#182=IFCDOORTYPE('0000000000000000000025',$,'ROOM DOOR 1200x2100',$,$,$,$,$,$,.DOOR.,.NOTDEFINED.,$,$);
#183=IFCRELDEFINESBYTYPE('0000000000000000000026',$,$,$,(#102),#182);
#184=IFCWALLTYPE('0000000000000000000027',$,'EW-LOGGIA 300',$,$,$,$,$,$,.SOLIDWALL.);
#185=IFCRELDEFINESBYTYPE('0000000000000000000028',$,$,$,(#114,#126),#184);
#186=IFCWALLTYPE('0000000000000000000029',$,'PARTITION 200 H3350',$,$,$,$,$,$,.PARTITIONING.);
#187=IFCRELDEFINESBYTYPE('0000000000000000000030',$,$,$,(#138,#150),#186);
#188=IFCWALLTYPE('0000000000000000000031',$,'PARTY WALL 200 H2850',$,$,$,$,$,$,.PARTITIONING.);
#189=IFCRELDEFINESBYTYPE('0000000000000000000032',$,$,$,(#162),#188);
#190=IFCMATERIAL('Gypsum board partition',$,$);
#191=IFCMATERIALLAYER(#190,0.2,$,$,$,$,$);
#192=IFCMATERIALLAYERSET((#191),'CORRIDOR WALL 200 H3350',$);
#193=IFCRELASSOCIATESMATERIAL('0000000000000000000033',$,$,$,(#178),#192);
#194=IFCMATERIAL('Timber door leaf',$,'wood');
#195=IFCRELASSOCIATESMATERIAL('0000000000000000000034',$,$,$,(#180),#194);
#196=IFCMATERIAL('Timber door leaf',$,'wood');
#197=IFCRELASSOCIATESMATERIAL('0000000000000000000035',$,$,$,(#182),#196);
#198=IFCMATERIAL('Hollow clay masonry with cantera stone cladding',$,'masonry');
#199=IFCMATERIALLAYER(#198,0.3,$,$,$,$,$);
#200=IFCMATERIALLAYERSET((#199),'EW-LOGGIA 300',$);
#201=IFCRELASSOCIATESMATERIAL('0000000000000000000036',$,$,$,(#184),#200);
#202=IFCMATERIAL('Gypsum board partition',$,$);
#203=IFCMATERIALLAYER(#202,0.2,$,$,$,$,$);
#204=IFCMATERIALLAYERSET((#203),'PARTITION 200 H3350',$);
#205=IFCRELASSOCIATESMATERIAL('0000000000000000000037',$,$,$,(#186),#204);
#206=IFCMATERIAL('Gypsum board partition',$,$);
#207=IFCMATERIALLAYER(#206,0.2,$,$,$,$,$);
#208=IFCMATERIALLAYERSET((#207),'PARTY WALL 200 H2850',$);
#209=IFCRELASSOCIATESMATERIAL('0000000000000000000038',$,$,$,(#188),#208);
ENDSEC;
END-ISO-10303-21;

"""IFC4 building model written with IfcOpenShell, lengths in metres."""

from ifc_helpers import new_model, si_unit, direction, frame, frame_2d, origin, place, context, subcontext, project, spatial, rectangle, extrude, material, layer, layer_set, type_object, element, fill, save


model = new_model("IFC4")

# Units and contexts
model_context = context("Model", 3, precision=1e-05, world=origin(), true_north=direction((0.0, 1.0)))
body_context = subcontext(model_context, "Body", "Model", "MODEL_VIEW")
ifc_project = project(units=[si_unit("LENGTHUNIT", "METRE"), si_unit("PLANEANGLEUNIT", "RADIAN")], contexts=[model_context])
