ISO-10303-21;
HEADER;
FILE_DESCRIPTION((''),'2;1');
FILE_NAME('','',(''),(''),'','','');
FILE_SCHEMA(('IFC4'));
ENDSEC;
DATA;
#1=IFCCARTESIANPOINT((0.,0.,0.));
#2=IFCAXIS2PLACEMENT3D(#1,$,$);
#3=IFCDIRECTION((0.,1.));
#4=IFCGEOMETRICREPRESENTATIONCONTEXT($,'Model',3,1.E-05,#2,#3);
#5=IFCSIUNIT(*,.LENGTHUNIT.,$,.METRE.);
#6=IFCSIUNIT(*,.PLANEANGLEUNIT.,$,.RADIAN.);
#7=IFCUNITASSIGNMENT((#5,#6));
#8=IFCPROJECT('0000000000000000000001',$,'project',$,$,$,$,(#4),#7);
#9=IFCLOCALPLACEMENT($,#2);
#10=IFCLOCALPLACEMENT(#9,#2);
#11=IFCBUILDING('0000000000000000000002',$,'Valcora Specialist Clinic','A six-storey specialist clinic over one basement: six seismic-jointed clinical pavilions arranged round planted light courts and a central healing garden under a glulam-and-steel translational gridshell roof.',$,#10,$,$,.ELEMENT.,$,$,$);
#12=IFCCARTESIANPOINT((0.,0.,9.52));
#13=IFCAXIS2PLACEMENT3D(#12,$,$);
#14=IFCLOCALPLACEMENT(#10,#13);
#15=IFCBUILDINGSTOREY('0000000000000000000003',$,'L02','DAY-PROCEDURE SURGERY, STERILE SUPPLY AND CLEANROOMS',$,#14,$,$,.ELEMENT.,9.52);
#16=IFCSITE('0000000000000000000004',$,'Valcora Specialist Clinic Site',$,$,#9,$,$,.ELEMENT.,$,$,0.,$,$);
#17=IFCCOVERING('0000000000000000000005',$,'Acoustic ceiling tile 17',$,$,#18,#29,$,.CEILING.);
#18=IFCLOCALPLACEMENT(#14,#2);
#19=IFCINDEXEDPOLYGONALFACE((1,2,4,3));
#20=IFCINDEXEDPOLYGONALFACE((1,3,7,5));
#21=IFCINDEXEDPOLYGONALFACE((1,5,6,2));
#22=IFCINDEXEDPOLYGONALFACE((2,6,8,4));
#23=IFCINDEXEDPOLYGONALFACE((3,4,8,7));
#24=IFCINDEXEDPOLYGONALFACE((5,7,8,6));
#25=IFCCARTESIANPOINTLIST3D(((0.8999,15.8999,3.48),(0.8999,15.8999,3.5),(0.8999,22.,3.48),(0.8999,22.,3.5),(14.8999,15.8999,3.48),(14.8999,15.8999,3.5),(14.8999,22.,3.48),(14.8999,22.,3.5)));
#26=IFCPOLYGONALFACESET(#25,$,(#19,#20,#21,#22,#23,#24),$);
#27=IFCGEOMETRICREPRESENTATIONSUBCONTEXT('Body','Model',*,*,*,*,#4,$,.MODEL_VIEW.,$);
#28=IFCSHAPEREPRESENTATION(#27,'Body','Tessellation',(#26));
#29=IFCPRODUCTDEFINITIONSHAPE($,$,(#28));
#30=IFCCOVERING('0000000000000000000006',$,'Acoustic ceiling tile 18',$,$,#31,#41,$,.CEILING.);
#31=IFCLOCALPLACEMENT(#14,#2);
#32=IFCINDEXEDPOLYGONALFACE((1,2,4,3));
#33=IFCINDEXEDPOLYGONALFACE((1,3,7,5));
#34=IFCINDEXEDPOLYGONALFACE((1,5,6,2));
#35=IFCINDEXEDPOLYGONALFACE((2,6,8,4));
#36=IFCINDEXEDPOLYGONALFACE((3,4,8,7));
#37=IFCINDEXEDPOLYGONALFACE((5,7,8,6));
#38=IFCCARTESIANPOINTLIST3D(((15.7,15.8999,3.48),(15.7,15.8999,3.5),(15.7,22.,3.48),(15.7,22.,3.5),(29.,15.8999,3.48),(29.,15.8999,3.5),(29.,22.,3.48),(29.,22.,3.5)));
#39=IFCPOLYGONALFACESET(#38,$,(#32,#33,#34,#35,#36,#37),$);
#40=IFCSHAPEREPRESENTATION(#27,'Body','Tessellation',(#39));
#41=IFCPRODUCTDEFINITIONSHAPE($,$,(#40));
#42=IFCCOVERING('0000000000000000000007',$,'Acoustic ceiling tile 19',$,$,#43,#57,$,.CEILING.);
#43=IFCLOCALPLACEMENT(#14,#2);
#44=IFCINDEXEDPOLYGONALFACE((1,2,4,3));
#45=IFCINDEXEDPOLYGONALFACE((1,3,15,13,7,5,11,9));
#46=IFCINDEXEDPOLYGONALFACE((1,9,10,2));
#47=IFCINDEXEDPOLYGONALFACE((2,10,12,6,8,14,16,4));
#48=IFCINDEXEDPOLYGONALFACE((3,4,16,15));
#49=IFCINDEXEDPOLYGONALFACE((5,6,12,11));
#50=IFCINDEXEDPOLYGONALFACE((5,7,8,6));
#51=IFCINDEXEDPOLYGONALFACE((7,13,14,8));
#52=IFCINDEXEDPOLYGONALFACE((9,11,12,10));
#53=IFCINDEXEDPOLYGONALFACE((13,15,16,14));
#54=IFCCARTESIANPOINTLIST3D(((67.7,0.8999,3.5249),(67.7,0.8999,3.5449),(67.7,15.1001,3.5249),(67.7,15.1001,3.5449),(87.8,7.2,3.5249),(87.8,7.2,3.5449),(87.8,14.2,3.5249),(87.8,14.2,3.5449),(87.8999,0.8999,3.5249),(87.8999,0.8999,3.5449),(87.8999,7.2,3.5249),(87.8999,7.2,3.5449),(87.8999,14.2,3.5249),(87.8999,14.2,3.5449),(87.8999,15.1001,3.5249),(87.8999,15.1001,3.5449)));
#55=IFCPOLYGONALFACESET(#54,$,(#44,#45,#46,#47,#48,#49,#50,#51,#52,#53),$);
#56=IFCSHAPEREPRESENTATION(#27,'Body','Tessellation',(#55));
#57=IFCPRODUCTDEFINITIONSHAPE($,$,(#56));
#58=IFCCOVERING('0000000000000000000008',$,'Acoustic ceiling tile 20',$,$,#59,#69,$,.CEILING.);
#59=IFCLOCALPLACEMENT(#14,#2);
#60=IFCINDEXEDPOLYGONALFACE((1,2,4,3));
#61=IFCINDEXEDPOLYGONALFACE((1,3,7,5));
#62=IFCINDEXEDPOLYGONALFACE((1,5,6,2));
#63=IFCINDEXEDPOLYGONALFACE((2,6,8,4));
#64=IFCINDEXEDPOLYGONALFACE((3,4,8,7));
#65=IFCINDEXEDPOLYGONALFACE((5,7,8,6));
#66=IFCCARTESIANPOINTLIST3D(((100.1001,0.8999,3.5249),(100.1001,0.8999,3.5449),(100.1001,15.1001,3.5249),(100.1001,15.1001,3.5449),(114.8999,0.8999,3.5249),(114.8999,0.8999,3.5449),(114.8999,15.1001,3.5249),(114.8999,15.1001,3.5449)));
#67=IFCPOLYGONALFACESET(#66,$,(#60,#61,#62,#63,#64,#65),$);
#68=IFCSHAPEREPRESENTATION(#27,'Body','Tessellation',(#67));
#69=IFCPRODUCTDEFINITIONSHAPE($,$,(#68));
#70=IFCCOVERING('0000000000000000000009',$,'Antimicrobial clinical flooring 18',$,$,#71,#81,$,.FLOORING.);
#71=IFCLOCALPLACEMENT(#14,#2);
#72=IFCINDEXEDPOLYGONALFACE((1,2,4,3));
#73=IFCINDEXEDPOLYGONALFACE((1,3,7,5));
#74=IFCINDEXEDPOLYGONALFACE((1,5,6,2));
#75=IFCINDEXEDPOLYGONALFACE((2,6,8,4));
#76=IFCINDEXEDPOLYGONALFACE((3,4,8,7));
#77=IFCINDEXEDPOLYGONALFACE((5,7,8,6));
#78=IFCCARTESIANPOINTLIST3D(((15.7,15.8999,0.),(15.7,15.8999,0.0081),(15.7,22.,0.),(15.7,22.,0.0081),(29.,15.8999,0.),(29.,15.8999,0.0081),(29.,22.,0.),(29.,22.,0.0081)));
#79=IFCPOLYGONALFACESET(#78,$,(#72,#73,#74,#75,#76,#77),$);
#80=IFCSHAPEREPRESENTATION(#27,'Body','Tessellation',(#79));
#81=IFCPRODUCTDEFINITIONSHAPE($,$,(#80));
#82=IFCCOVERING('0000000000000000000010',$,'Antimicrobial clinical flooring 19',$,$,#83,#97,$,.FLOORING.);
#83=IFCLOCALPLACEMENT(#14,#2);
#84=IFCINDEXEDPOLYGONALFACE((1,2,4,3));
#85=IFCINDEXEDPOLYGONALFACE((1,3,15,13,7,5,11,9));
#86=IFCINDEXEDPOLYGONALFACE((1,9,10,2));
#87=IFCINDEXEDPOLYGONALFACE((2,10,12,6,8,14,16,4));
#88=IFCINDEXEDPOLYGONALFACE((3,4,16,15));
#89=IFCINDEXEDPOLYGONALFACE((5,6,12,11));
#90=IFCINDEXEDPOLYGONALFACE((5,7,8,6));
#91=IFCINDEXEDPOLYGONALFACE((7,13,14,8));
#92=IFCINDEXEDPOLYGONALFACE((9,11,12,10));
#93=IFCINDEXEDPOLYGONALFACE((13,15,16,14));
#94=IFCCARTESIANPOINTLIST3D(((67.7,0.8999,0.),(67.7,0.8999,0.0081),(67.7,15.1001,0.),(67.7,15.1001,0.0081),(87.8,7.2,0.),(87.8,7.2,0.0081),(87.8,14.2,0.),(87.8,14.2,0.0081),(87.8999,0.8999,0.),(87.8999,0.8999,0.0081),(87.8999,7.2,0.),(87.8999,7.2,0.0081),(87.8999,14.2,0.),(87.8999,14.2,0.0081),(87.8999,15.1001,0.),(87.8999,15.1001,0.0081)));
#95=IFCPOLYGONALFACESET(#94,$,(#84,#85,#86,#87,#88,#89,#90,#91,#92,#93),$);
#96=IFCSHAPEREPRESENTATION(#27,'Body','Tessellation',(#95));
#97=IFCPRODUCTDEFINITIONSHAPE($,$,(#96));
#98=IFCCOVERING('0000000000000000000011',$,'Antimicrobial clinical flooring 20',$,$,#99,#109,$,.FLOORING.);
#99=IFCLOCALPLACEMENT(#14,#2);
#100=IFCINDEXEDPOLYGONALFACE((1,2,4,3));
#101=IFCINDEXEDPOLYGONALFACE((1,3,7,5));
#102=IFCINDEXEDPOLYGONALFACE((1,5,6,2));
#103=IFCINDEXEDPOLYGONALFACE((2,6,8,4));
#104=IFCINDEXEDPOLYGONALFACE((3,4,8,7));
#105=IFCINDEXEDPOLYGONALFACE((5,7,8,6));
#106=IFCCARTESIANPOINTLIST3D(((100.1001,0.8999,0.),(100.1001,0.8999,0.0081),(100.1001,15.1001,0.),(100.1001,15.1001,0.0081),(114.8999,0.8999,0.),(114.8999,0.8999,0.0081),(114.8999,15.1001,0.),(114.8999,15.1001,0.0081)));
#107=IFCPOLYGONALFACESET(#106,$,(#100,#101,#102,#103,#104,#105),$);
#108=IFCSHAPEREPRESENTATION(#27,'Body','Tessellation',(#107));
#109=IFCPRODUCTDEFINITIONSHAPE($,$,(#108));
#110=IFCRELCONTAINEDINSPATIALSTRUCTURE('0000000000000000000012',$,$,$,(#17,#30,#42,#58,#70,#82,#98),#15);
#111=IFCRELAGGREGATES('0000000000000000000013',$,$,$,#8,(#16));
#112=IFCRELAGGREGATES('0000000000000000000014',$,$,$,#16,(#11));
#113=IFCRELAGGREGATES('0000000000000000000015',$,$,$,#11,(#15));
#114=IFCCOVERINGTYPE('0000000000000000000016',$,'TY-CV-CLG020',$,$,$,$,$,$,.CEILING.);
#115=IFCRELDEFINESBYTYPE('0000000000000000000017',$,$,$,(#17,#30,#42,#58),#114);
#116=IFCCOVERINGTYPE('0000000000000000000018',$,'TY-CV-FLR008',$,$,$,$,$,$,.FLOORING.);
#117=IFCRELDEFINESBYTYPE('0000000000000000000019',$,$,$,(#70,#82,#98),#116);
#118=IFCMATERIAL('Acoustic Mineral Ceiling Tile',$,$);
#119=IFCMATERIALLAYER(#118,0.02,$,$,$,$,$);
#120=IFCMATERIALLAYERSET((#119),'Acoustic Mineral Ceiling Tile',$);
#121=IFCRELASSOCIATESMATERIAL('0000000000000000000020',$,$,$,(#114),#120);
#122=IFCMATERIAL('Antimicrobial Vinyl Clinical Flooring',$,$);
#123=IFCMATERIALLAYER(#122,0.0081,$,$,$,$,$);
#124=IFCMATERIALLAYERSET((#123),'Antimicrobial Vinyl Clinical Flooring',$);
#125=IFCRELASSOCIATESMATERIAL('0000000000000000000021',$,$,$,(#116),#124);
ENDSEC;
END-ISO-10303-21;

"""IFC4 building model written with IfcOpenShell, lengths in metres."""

from ifc_helpers import new_model, si_unit, direction, frame, origin, place, context, subcontext, project, spatial, polyline, outline, extrude, material, layer, layer_set, type_object, element, save


model = new_model("IFC4")

# Units and contexts
model_context = context("Model", 3, precision=1e-05, world=origin(), true_north=direction((0.0, 1.0)))
body_context = subcontext(model_context, "Body", "Model", "MODEL_VIEW")
ifc_project = project(units=[si_unit("LENGTHUNIT", "METRE"), si_unit("PLANEANGLEUNIT", "RADIAN")], contexts=[model_context])

# Site, building, storey
site_placement = place(None, origin())
site = spatial("IfcSite", under=ifc_project, at=site_placement, Name="Valcora Specialist Clinic Site", CompositionType="ELEMENT", RefElevation=0.0)
building_placement = place(site_placement, origin())
building = spatial("IfcBuilding", under=site, at=building_placement, Name="Valcora Specialist Clinic", Description="A six-storey specialist clinic over one basement: six seismic-jointed clinical pavilions arranged round planted light courts and a central healing garden under a glulam-and-steel translational gridshell roof.", CompositionType="ELEMENT")
storey_placement = place(building_placement, frame((0.0, 0.0, 9.52)))
storey = spatial("IfcBuildingStorey", under=building, at=storey_placement, Name="L02", Description="DAY-PROCEDURE SURGERY, STERILE SUPPLY AND CLEANROOMS", CompositionType="ELEMENT", Elevation=9.52)

# Coverings
ifc_material_1 = material(Name="Acoustic Mineral Ceiling Tile")
ifc_layer_1 = layer(ifc_material_1, 0.02)
ifc_layer_set_1 = layer_set([ifc_layer_1], Name="Acoustic Mineral Ceiling Tile")
covering_type_1 = type_object("IfcCoveringType", Name="TY-CV-CLG020", PredefinedType="CEILING", material=ifc_layer_set_1)
covering_1_placement = place(storey_placement, frame((0.0, 0.0, 3.48)))
element("IfcCovering", 1, at=covering_1_placement, inside=storey, type_object=covering_type_1, Name="Acoustic ceiling tile 17", PredefinedType="CEILING", context=body_context, shape_type="SweptSolid", body=[
    extrude(outline(polyline([(0.8999, 22.0), (14.8999, 22.0), (14.8999, 15.8999), (0.8999, 15.8999), (0.8999, 22.0)])), origin(), (0.0, 0.0, 1.0), 0.02),
])
covering_2_placement = place(storey_placement, frame((0.0, 0.0, 3.48)))
element("IfcCovering", 2, at=covering_2_placement, inside=storey, type_object=covering_type_1, Name="Acoustic ceiling tile 18", PredefinedType="CEILING", context=body_context, shape_type="SweptSolid", body=[
    extrude(outline(polyline([(29.0, 22.0), (29.0, 15.8999), (15.7, 15.8999), (15.7, 22.0), (29.0, 22.0)])), origin(), (0.0, 0.0, 1.0), 0.02),
])
covering_3_placement = place(storey_placement, frame((0.0, 0.0, 3.5249)))
element("IfcCovering", 3, at=covering_3_placement, inside=storey, type_object=covering_type_1, Name="Acoustic ceiling tile 19", PredefinedType="CEILING", context=body_context, shape_type="SweptSolid", body=[
    extrude(outline(polyline([(67.7, 15.1001), (87.8999, 15.1001), (87.8999, 14.2), (87.8, 14.2), (87.8, 7.2), (87.8999, 7.2), (87.8999, 0.8999), (67.7, 0.8999), (67.7, 15.1001)])), origin(), (0.0, 0.0, 1.0), 0.02),
])
covering_4_placement = place(storey_placement, frame((0.0, 0.0, 3.5249)))
element("IfcCovering", 4, at=covering_4_placement, inside=storey, type_object=covering_type_1, Name="Acoustic ceiling tile 20", PredefinedType="CEILING", context=body_context, shape_type="SweptSolid", body=[
    extrude(outline(polyline([(114.8999, 15.1001), (114.8999, 0.8999), (100.1001, 0.8999), (100.1001, 15.1001), (114.8999, 15.1001)])), origin(), (0.0, 0.0, 1.0), 0.02),
])
ifc_material_2 = material(Name="Antimicrobial Vinyl Clinical Flooring")
ifc_layer_2 = layer(ifc_material_2, 0.0081)
ifc_layer_set_2 = layer_set([ifc_layer_2], Name="Antimicrobial Vinyl Clinical Flooring")
covering_type_2 = type_object("IfcCoveringType", Name="TY-CV-FLR008", PredefinedType="FLOORING", material=ifc_layer_set_2)
covering_5_placement = place(storey_placement, origin())
element("IfcCovering", 5, at=covering_5_placement, inside=storey, type_object=covering_type_2, Name="Antimicrobial clinical flooring 18", PredefinedType="FLOORING", context=body_context, shape_type="SweptSolid", body=[
    extrude(outline(polyline([(29.0, 22.0), (29.0, 15.8999), (15.7, 15.8999), (15.7, 22.0), (29.0, 22.0)])), origin(), (0.0, 0.0, 1.0), 0.0081),
])
covering_6_placement = place(storey_placement, origin())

Your task: Scan the listing and report each line where the word "Gypsum" shows up.

Answer section:
#190=IFCMATERIAL('Gypsum board partition',$,$);
#202=IFCMATERIAL('Gypsum board partition',$,$);
#206=IFCMATERIAL('Gypsum board partition',$,$);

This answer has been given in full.